### Exercise requirements
All lines holding the word "GUARDRAIL" should be located in the records and copied.

### Data provided

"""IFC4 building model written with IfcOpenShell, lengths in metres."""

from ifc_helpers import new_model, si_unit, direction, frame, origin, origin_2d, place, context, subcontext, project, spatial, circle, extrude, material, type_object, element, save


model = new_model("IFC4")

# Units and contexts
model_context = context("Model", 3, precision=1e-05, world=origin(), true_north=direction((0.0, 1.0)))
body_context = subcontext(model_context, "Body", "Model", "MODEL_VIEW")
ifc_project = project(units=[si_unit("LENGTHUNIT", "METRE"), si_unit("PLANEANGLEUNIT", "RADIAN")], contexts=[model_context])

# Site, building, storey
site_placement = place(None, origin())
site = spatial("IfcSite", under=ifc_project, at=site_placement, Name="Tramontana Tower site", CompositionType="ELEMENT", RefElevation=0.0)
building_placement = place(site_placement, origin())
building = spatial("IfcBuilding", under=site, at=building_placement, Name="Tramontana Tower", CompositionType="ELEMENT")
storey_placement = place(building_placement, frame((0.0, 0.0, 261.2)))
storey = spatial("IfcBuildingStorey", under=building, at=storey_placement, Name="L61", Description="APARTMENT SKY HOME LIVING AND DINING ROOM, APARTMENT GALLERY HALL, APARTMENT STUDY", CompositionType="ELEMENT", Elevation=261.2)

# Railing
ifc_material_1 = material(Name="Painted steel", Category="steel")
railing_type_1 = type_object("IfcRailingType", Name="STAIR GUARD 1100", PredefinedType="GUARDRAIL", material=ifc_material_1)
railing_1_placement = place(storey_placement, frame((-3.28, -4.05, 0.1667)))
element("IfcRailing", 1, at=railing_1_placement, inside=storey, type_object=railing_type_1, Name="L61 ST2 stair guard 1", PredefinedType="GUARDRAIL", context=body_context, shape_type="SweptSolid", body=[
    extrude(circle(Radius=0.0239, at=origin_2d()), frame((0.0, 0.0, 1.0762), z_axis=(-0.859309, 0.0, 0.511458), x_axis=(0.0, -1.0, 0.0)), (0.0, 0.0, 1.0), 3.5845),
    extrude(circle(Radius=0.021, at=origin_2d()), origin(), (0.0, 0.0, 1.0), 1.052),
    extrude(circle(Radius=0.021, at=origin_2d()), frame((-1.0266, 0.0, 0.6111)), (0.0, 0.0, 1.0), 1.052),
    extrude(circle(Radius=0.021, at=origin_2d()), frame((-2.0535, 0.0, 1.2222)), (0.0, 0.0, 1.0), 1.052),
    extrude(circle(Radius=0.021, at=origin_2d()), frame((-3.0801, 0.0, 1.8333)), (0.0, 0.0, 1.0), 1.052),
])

* * *

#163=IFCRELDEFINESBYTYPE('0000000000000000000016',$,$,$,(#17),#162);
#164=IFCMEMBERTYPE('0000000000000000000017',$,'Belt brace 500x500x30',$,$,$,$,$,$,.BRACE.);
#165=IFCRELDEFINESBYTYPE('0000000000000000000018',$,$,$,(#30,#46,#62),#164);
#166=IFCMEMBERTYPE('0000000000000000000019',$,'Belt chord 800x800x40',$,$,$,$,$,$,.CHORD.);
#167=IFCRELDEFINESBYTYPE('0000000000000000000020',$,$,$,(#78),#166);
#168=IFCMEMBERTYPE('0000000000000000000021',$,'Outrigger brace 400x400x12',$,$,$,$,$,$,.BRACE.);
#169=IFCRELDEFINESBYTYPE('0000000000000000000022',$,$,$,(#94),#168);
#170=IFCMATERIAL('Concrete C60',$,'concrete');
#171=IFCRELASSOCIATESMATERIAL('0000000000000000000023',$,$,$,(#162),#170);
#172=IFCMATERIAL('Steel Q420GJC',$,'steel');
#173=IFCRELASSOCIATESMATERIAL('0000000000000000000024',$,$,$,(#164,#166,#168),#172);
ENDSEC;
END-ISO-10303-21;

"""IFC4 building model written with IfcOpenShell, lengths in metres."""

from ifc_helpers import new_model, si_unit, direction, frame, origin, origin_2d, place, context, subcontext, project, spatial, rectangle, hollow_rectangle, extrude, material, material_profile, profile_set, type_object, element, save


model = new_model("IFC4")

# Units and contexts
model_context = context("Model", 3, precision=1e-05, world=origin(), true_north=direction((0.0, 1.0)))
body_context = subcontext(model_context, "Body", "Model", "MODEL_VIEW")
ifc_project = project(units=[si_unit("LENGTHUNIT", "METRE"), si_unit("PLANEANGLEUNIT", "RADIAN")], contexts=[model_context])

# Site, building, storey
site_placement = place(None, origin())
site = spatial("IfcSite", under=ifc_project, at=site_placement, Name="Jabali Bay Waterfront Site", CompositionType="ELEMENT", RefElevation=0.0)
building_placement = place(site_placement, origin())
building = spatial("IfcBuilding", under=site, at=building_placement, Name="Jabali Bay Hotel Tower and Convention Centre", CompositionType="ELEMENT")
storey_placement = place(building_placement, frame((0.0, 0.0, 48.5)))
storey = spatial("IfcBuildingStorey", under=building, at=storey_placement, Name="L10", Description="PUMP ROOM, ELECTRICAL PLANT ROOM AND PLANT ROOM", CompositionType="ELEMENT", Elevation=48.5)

...

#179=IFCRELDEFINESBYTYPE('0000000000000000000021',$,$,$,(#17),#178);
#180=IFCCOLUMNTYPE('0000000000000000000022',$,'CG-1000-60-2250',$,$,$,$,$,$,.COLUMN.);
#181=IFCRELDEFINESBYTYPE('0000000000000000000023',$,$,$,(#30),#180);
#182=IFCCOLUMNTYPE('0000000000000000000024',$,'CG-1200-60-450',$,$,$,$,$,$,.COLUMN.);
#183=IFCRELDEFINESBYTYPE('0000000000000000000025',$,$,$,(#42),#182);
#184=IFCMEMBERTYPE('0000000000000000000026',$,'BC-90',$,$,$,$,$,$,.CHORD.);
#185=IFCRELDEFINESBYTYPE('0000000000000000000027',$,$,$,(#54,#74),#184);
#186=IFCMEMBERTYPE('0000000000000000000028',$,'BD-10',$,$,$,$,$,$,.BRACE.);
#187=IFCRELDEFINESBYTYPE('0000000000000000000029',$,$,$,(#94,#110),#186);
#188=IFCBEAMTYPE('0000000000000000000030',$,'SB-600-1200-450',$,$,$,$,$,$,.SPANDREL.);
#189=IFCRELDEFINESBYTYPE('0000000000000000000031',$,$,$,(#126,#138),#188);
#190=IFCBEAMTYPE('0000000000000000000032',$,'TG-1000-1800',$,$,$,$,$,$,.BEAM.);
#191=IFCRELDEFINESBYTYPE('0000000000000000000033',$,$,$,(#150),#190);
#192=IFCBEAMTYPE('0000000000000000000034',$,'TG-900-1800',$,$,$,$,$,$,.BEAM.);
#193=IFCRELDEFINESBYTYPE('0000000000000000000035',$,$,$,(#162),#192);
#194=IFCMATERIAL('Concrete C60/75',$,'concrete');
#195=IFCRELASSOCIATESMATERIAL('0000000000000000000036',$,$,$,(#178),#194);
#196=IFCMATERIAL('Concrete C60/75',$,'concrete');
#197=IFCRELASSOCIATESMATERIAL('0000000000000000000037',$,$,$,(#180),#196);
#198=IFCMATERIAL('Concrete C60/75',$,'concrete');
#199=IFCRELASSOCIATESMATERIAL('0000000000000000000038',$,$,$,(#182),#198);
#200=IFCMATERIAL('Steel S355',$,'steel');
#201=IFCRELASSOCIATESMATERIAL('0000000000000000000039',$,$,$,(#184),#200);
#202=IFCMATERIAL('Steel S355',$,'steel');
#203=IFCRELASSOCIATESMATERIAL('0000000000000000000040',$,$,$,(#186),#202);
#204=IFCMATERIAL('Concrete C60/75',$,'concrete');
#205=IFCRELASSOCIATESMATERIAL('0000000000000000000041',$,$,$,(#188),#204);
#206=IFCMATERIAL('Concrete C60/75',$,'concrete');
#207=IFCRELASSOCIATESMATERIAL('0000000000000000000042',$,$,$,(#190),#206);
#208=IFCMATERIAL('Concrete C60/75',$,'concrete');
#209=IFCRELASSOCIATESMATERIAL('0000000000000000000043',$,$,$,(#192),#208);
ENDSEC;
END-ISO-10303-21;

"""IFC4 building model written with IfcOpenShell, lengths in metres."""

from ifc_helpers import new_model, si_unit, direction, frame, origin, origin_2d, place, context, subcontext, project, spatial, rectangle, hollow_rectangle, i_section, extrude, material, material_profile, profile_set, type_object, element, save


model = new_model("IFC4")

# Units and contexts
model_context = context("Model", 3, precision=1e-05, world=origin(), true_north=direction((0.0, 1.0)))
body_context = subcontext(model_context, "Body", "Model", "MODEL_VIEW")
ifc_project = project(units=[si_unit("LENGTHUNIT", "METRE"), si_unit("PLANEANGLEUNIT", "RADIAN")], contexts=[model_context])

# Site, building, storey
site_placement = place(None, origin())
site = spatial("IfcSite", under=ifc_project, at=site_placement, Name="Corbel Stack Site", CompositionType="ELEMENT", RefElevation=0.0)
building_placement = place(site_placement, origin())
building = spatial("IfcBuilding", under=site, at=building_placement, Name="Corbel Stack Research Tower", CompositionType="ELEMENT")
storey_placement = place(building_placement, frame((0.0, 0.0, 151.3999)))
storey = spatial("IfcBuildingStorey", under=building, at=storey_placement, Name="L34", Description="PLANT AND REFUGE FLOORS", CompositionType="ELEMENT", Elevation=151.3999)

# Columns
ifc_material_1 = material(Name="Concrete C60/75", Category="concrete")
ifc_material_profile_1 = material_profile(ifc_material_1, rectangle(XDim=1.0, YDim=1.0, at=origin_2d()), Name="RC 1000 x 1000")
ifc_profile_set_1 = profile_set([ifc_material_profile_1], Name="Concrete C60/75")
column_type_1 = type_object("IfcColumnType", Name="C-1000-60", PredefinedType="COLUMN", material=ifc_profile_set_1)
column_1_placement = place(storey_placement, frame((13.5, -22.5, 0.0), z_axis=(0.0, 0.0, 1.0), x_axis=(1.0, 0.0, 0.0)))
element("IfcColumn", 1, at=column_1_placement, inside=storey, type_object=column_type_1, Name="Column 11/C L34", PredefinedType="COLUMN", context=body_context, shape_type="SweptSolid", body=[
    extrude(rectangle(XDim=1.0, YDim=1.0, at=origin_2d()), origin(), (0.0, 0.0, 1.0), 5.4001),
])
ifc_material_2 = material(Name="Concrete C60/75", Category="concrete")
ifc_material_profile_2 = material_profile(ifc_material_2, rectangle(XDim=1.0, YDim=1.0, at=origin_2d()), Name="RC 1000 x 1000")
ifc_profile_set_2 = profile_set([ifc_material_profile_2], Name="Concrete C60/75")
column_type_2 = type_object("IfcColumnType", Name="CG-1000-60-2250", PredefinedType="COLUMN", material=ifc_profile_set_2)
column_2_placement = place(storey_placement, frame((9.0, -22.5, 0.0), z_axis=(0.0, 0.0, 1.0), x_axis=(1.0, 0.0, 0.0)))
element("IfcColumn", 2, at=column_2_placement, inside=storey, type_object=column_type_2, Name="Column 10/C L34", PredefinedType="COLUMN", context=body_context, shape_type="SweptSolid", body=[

### Exercise output
railing_type_1 = type_object("IfcRailingType", Name="STAIR GUARD 1100", PredefinedType="GUARDRAIL", material=ifc_material_1)
element("IfcRailing", 1, at=railing_1_placement, inside=storey, type_object=railing_type_1, Name="L61 ST2 stair guard 1", PredefinedType="GUARDRAIL", context=body_context, shape_type="SweptSolid", body=[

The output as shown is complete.